Start of DATA EXTRACT

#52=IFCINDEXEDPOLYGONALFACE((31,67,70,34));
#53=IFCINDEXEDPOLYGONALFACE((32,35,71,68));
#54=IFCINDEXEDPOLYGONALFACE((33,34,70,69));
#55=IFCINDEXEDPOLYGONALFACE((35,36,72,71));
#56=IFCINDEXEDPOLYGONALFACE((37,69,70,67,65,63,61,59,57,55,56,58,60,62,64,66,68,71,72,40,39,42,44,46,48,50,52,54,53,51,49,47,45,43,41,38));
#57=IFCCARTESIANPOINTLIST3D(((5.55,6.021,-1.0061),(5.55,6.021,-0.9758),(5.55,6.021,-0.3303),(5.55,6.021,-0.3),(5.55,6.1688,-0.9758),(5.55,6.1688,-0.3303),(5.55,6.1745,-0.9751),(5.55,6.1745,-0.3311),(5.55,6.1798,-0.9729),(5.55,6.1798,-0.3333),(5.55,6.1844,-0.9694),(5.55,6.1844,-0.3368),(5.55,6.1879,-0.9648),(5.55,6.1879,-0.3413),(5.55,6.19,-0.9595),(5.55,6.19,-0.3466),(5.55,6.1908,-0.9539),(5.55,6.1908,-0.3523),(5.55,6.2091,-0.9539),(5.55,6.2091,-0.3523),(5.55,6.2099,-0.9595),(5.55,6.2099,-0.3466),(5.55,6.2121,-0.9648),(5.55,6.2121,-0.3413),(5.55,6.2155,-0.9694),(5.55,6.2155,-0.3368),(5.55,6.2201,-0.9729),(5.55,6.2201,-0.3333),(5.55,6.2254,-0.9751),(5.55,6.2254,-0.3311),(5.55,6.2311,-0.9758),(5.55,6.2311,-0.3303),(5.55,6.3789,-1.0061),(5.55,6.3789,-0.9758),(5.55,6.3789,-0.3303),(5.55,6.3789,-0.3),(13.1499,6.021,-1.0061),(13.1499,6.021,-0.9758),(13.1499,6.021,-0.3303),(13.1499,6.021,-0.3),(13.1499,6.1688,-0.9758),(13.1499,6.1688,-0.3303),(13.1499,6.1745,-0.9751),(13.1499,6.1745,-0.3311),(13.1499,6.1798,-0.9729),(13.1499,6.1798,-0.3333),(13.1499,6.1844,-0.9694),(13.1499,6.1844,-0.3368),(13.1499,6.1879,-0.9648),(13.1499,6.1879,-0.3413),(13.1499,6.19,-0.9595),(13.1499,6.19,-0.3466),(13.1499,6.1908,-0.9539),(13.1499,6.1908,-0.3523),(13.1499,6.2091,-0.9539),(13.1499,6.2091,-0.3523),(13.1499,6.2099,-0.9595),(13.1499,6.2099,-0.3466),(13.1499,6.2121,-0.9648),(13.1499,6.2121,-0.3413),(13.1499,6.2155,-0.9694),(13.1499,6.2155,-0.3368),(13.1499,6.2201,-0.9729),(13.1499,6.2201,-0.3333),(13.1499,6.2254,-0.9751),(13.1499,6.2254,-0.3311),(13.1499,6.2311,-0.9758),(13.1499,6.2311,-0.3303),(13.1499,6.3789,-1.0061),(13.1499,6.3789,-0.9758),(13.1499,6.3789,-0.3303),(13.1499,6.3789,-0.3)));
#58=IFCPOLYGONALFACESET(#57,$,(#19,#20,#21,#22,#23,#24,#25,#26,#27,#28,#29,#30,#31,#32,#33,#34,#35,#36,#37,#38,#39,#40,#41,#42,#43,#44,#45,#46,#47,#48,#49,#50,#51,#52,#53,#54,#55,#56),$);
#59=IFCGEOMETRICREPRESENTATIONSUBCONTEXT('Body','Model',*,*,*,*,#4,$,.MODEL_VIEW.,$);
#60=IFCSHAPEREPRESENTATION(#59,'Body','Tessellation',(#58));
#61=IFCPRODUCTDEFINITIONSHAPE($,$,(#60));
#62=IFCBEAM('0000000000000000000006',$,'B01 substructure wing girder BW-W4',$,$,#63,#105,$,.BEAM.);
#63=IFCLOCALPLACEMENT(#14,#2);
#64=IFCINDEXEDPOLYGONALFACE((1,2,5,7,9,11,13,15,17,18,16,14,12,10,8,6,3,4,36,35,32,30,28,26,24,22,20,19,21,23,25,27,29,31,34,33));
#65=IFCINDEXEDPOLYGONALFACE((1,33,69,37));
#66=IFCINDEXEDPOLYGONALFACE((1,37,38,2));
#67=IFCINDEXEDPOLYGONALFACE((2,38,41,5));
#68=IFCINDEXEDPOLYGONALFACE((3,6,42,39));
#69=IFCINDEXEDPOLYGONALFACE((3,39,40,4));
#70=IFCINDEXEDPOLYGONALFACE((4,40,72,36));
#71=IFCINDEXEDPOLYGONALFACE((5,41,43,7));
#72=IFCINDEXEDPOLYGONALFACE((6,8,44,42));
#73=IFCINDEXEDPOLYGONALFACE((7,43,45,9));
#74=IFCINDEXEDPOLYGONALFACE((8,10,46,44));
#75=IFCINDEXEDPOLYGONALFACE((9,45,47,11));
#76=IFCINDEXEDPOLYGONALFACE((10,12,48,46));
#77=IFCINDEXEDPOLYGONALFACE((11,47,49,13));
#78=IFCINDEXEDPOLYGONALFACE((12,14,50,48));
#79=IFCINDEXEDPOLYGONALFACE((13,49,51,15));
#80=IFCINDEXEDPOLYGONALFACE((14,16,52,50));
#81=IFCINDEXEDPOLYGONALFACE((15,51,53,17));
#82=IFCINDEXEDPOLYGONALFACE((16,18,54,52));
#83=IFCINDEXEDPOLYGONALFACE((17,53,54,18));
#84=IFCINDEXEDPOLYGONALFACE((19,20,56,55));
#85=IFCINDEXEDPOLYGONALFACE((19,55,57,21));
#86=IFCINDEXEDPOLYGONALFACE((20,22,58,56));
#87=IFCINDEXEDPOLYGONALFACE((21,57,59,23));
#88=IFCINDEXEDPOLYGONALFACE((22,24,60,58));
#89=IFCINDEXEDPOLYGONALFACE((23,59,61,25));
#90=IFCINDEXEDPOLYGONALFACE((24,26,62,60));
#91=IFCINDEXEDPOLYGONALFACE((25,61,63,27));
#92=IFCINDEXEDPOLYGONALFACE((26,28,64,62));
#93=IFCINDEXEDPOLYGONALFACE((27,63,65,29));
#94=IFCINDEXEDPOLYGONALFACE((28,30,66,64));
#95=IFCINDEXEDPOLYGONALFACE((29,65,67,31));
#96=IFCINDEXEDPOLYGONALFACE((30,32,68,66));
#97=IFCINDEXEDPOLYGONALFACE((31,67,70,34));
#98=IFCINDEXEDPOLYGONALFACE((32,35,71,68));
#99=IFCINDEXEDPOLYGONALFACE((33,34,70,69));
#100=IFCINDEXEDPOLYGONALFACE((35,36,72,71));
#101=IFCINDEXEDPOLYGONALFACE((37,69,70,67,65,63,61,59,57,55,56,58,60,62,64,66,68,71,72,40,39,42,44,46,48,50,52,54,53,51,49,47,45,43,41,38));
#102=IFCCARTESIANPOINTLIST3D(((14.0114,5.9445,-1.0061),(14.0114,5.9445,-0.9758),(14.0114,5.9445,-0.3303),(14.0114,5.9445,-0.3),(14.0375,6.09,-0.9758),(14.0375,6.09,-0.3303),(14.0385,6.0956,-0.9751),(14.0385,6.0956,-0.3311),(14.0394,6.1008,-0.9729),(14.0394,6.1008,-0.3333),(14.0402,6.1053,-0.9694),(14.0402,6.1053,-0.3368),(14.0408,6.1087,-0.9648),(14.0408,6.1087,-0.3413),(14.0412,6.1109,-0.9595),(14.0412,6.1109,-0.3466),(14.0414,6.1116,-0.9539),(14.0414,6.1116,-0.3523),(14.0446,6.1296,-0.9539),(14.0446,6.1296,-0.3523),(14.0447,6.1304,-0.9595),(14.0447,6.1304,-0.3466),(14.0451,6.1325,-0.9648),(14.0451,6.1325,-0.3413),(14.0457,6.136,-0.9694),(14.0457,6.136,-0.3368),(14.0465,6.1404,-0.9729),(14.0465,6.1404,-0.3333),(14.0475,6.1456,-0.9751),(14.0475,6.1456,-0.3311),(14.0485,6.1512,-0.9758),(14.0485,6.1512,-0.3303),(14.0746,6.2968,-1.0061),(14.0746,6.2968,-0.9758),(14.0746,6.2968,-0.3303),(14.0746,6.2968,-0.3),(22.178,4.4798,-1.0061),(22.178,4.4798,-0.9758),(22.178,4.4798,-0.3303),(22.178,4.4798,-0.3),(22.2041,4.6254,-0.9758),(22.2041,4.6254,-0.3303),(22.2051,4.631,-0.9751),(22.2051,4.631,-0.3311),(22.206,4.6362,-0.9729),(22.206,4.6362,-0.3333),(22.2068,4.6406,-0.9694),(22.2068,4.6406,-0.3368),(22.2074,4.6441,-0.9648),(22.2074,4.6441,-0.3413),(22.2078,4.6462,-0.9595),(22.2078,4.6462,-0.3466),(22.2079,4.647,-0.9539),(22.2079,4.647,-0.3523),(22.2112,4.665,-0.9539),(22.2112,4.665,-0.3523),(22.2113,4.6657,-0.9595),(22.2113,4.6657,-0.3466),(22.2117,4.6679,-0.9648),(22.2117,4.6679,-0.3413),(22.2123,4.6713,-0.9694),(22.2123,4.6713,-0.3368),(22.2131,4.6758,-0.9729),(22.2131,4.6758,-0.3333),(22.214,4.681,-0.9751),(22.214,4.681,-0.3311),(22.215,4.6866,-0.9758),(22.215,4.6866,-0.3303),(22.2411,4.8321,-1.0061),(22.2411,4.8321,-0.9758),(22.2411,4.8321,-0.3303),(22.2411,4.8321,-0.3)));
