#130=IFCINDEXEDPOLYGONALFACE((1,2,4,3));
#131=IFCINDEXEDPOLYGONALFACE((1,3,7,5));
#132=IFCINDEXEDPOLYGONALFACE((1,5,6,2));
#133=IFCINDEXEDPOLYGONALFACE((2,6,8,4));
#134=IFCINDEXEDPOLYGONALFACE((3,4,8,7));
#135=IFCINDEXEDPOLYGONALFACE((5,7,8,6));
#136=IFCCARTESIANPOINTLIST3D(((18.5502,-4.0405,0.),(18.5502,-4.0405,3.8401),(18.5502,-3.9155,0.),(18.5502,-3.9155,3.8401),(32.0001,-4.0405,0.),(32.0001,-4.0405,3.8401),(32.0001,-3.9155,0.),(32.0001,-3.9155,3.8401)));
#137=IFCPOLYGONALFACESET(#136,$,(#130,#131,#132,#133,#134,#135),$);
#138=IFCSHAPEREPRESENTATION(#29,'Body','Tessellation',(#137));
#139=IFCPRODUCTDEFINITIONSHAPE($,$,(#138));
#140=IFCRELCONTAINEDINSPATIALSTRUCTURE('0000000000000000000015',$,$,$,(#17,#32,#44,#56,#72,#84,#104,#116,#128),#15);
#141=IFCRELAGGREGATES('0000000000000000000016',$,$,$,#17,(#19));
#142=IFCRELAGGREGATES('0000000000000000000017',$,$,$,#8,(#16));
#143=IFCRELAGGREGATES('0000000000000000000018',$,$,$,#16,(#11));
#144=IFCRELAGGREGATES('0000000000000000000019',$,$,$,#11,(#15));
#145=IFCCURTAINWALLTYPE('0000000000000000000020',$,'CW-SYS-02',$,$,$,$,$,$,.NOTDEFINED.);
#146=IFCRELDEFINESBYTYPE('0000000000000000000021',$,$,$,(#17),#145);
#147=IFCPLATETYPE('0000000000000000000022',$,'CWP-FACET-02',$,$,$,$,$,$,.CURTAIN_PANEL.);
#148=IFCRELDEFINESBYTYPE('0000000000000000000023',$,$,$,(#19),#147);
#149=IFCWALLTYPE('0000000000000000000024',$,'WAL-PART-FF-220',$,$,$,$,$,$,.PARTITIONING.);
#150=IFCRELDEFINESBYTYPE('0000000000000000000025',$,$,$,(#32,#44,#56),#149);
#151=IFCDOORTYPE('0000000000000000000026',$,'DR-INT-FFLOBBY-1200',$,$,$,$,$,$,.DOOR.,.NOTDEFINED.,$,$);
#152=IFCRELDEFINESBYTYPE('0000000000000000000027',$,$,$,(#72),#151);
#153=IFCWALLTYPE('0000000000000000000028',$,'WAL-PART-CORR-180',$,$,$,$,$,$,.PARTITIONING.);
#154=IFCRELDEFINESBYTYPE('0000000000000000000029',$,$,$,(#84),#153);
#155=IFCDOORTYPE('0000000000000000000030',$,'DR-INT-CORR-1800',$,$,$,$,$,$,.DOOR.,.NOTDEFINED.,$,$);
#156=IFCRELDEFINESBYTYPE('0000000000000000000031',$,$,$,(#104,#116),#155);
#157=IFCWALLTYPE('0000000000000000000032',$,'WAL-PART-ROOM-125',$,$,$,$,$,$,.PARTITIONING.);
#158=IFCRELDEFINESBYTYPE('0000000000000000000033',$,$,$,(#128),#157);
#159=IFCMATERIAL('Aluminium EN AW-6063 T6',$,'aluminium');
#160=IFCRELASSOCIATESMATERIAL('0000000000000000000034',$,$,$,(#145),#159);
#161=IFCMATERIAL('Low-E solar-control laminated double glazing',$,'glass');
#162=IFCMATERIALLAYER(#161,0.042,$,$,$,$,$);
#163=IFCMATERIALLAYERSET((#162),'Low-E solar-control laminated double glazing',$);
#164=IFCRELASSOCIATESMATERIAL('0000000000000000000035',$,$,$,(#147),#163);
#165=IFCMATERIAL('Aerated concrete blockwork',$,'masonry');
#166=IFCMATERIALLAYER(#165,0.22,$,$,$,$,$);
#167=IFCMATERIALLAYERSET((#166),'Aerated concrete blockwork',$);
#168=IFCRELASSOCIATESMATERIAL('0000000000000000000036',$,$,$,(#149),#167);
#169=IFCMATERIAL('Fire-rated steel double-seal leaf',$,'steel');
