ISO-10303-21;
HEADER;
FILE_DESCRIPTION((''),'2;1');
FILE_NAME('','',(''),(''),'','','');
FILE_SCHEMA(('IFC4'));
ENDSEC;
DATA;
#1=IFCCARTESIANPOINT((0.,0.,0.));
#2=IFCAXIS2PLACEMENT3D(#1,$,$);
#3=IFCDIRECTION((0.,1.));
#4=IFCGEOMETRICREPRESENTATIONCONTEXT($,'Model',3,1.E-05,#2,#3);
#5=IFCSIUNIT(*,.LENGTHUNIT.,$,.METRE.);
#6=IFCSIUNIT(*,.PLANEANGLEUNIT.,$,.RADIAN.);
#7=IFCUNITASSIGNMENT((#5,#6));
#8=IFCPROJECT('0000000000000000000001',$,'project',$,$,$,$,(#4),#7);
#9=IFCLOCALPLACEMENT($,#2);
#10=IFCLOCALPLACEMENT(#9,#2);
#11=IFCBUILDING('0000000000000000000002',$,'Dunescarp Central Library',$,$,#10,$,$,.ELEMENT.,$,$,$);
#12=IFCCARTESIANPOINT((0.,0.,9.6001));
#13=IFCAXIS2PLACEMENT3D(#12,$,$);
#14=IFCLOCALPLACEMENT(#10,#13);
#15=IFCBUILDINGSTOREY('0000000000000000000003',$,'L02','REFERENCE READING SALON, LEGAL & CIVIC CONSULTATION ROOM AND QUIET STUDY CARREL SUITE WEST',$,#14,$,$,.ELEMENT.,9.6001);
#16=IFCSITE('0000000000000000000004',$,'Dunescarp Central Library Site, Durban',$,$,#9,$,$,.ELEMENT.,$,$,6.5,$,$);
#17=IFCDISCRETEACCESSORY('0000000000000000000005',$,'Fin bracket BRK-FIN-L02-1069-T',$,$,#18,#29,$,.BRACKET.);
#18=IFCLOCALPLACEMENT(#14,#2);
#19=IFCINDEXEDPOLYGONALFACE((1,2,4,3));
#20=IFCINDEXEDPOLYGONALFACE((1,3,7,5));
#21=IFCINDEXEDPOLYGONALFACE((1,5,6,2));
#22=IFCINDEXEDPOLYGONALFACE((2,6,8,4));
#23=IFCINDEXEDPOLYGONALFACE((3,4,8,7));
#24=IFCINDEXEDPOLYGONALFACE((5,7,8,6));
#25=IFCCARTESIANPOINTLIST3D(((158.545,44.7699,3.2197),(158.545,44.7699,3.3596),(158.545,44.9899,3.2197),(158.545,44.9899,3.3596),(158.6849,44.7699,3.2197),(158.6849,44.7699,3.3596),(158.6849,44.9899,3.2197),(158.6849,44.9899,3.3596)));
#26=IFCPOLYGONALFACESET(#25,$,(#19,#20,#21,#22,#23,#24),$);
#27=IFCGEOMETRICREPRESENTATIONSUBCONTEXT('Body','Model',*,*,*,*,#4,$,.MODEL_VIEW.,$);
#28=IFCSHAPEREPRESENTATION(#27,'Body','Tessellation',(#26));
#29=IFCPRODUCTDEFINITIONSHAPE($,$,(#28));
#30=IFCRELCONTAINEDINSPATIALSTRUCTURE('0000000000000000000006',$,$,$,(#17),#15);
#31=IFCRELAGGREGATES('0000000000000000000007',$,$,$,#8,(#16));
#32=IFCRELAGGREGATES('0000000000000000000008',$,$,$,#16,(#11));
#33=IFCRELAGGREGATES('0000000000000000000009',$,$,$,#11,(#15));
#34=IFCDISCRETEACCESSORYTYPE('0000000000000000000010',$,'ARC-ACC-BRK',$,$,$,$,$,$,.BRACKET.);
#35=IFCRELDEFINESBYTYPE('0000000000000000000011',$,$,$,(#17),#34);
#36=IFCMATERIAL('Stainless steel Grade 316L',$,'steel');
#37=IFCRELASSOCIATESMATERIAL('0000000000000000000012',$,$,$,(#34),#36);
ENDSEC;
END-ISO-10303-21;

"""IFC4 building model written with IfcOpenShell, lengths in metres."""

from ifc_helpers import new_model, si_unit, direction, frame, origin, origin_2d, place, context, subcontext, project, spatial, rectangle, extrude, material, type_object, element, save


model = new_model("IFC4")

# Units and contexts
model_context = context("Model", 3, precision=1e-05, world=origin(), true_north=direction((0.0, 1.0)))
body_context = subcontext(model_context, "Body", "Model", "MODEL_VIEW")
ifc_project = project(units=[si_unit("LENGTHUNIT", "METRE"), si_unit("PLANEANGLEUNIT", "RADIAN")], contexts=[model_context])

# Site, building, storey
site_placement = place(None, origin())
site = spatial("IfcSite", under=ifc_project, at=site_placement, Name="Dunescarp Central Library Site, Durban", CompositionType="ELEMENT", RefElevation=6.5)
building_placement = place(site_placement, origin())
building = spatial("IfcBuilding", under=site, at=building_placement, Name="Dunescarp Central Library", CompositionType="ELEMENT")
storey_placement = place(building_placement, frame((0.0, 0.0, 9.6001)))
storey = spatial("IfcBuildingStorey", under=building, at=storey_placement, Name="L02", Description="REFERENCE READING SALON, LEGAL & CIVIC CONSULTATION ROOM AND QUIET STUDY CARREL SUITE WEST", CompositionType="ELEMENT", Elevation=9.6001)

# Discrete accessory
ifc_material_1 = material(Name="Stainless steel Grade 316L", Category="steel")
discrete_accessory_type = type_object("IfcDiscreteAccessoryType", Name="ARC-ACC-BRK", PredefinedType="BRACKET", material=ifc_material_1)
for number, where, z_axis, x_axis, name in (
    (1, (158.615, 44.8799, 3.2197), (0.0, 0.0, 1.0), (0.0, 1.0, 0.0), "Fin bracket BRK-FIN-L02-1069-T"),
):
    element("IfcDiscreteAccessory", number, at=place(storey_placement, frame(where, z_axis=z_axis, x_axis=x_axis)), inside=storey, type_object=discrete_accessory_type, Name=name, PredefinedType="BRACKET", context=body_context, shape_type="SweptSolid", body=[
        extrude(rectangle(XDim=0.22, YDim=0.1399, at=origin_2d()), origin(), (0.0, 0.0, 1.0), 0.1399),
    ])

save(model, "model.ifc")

End of DATA EXTRACT

### WHAT IS BEING ASKED
Of all the entries above, output exactly the lines between the one holding "#7=IFCUNITASSIGNMENT((#5,#6));" and the one holding "#20=IFCINDEXEDPOLYGONALFACE((1,3,7,5));", inclusive.

### WRITTEN SOLUTION
#7=IFCUNITASSIGNMENT((#5,#6));
#8=IFCPROJECT('0000000000000000000001',$,'project',$,$,$,$,(#4),#7);
#9=IFCLOCALPLACEMENT($,#2);
#10=IFCLOCALPLACEMENT(#9,#2);
#11=IFCBUILDING('0000000000000000000002',$,'Dunescarp Central Library',$,$,#10,$,$,.ELEMENT.,$,$,$);
#12=IFCCARTESIANPOINT((0.,0.,9.6001));
#13=IFCAXIS2PLACEMENT3D(#12,$,$);
#14=IFCLOCALPLACEMENT(#10,#13);
#15=IFCBUILDINGSTOREY('0000000000000000000003',$,'L02','REFERENCE READING SALON, LEGAL & CIVIC CONSULTATION ROOM AND QUIET STUDY CARREL SUITE WEST',$,#14,$,$,.ELEMENT.,9.6001);
#16=IFCSITE('0000000000000000000004',$,'Dunescarp Central Library Site, Durban',$,$,#9,$,$,.ELEMENT.,$,$,6.5,$,$);
#17=IFCDISCRETEACCESSORY('0000000000000000000005',$,'Fin bracket BRK-FIN-L02-1069-T',$,$,#18,#29,$,.BRACKET.);
#18=IFCLOCALPLACEMENT(#14,#2);
#19=IFCINDEXEDPOLYGONALFACE((1,2,4,3));
#20=IFCINDEXEDPOLYGONALFACE((1,3,7,5));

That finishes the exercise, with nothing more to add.